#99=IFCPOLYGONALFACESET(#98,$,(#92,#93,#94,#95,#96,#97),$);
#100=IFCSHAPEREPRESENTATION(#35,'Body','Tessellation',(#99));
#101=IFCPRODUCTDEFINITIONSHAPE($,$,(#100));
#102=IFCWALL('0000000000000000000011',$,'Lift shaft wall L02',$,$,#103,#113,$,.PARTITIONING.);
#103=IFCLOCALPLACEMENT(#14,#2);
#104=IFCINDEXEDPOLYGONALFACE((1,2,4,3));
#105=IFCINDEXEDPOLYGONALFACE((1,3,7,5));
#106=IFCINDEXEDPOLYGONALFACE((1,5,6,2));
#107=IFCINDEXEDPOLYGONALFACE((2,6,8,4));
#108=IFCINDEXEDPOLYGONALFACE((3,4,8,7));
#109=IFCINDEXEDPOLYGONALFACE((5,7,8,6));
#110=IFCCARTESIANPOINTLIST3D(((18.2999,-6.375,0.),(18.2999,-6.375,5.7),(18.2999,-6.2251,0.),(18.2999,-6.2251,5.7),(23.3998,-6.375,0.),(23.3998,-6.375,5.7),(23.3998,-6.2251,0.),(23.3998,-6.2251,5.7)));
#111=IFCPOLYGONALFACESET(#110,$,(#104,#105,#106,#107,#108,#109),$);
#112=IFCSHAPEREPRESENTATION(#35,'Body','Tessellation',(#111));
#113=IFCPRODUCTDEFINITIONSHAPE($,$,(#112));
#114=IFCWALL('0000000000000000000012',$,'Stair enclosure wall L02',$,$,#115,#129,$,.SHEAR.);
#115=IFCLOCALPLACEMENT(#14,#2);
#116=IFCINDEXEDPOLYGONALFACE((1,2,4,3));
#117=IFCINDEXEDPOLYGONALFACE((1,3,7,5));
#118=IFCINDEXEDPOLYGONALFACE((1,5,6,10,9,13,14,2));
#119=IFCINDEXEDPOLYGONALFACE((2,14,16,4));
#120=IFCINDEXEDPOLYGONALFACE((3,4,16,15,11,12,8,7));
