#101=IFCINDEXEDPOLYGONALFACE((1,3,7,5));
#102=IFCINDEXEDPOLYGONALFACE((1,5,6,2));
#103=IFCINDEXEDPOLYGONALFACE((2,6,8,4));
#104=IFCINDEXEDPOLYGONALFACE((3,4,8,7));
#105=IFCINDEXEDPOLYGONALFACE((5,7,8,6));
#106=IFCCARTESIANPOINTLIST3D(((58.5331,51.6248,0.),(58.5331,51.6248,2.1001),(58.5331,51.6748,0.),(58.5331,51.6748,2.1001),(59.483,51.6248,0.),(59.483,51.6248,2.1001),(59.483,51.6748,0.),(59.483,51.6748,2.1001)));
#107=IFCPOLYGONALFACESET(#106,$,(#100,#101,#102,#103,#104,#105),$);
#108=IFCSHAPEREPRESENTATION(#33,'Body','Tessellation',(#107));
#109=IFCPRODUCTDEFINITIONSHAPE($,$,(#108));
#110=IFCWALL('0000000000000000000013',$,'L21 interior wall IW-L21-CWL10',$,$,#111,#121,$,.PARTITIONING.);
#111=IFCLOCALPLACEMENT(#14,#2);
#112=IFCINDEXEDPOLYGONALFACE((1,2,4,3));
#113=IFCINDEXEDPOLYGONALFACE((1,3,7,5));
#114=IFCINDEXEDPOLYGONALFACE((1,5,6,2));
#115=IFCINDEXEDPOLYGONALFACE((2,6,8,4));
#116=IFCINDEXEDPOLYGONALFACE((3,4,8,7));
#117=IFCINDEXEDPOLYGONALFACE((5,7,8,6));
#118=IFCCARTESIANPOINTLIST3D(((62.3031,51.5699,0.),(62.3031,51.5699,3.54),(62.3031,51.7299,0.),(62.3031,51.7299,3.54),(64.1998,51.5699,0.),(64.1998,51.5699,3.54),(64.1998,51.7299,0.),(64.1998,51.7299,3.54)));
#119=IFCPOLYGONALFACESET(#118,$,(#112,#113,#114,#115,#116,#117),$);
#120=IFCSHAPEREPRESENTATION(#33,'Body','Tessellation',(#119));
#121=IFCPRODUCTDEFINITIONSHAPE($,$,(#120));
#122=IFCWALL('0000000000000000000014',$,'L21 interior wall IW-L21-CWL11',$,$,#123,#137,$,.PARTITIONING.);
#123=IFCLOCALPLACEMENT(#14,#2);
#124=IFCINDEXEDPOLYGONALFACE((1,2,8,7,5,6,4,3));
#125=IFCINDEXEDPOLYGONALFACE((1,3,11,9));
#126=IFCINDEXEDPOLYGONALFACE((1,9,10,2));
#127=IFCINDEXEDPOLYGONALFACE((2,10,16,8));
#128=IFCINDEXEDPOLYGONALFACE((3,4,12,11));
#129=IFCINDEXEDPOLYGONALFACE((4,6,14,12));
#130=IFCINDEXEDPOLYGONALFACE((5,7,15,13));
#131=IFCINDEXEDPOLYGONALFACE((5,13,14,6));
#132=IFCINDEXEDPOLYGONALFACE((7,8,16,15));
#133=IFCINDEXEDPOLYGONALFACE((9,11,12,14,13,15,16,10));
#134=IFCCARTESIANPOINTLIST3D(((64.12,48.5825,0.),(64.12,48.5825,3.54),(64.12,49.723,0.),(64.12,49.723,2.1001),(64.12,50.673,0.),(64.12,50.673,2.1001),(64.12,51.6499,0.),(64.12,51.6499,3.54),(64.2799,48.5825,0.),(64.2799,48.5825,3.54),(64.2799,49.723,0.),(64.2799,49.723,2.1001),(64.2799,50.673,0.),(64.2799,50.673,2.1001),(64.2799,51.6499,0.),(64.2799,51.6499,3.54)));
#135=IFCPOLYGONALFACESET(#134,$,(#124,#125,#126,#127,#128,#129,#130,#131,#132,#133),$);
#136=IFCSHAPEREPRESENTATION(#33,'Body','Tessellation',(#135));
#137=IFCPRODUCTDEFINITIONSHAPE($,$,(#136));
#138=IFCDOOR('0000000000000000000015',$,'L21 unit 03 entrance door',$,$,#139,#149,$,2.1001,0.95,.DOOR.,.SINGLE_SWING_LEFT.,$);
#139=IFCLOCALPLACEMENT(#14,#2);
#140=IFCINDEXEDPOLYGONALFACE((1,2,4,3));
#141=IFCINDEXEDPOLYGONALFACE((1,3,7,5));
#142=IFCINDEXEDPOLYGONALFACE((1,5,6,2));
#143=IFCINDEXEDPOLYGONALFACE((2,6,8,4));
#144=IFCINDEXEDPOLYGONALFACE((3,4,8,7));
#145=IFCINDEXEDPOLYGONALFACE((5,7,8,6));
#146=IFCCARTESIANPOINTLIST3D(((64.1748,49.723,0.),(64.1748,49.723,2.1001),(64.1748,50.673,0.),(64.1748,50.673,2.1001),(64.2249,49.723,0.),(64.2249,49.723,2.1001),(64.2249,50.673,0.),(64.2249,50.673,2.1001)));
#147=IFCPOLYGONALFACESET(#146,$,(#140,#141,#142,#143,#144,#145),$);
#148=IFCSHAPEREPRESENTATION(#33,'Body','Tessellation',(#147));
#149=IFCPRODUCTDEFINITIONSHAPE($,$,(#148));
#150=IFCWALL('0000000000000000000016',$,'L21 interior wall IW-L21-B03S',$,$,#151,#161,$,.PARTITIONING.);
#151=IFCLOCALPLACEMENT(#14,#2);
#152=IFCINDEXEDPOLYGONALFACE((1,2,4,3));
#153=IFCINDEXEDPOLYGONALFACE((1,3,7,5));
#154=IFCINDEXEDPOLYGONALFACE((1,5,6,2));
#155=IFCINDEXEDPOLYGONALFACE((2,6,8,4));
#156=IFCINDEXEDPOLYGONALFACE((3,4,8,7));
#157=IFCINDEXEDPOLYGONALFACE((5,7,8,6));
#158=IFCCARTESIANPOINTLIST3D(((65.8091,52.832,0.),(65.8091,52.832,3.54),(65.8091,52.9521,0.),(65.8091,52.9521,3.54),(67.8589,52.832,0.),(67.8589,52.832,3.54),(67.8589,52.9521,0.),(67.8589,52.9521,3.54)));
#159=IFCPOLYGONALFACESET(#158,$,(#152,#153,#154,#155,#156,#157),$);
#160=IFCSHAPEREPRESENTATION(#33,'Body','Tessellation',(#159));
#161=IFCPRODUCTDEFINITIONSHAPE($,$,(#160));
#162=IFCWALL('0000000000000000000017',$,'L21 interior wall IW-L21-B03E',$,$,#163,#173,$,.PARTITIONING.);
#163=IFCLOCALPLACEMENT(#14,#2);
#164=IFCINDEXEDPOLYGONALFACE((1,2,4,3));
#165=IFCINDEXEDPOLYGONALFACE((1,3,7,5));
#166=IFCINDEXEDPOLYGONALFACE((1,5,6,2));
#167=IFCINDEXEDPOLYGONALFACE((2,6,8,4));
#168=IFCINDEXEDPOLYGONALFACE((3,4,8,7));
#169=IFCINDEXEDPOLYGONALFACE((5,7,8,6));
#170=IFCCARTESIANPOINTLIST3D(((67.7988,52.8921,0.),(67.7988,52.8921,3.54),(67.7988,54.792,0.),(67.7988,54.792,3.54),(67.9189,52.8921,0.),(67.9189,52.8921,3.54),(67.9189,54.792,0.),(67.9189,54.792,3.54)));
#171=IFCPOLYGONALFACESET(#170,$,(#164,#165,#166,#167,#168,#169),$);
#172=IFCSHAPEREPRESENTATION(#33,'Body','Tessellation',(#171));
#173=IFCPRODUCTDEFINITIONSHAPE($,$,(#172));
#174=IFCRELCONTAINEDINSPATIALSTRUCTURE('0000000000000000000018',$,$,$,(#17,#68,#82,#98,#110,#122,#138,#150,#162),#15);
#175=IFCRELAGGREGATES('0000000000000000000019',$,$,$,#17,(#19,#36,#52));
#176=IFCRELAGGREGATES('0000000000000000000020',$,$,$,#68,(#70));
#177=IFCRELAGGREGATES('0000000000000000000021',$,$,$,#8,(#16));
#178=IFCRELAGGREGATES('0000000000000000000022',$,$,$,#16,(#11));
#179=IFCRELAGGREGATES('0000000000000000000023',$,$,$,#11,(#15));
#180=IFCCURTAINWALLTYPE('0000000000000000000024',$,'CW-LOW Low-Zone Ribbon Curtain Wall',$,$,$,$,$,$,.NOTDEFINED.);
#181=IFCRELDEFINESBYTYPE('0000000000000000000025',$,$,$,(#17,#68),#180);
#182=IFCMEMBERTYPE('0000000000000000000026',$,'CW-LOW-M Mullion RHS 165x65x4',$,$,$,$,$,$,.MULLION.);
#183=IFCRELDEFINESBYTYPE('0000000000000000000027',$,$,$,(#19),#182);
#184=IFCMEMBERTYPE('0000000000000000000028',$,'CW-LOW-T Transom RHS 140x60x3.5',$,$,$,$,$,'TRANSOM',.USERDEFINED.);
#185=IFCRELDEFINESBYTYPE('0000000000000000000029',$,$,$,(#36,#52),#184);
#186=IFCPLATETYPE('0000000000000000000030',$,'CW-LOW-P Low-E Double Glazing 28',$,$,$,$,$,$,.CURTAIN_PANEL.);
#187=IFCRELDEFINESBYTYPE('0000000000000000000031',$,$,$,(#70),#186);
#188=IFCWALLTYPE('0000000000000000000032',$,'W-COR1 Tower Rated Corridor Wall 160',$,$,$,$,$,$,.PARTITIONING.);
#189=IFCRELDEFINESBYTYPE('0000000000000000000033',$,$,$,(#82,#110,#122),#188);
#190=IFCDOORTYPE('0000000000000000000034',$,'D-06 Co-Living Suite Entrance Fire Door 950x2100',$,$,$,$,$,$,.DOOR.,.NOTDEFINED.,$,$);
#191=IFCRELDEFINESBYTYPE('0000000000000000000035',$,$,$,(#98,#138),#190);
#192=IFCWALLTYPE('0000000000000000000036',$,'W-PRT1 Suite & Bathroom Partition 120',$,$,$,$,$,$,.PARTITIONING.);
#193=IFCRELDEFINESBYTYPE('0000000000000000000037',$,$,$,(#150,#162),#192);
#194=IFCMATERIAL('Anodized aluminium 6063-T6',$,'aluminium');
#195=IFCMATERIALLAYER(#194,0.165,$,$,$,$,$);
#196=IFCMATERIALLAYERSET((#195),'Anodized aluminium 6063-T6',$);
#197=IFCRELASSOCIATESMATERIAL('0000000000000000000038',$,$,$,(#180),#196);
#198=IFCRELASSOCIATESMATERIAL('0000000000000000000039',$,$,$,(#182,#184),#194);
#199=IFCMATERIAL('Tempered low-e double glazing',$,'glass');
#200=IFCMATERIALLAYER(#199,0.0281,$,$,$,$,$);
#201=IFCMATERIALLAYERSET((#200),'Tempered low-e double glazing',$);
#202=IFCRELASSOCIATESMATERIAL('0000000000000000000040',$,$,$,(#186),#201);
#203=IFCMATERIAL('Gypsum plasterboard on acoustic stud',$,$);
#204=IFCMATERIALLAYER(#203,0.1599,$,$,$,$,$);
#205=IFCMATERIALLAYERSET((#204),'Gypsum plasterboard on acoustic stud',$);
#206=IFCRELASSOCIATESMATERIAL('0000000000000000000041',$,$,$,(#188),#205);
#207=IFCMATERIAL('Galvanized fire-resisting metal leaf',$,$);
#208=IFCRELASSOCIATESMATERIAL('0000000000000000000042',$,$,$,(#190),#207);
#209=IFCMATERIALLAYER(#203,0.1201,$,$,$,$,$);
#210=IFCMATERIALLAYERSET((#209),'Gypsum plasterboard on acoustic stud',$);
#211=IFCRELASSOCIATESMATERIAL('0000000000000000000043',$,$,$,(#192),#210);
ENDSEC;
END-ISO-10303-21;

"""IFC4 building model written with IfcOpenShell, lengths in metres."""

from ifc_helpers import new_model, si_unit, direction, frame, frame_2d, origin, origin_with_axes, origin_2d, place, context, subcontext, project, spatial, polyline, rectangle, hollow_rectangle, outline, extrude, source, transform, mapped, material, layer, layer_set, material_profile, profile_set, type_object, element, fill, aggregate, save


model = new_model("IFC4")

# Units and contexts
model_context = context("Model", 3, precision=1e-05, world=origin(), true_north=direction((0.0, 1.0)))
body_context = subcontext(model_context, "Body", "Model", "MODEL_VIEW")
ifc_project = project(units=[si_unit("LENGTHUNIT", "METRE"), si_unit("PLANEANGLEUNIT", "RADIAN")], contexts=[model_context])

_ _ _ _

> **BRIEF**
Going through the entries above, show each line that contains "Tempered".

> **SOLVED EXERCISE**
#199=IFCMATERIAL('Tempered low-e double glazing',$,'glass');
#201=IFCMATERIALLAYERSET((#200),'Tempered low-e double glazing',$);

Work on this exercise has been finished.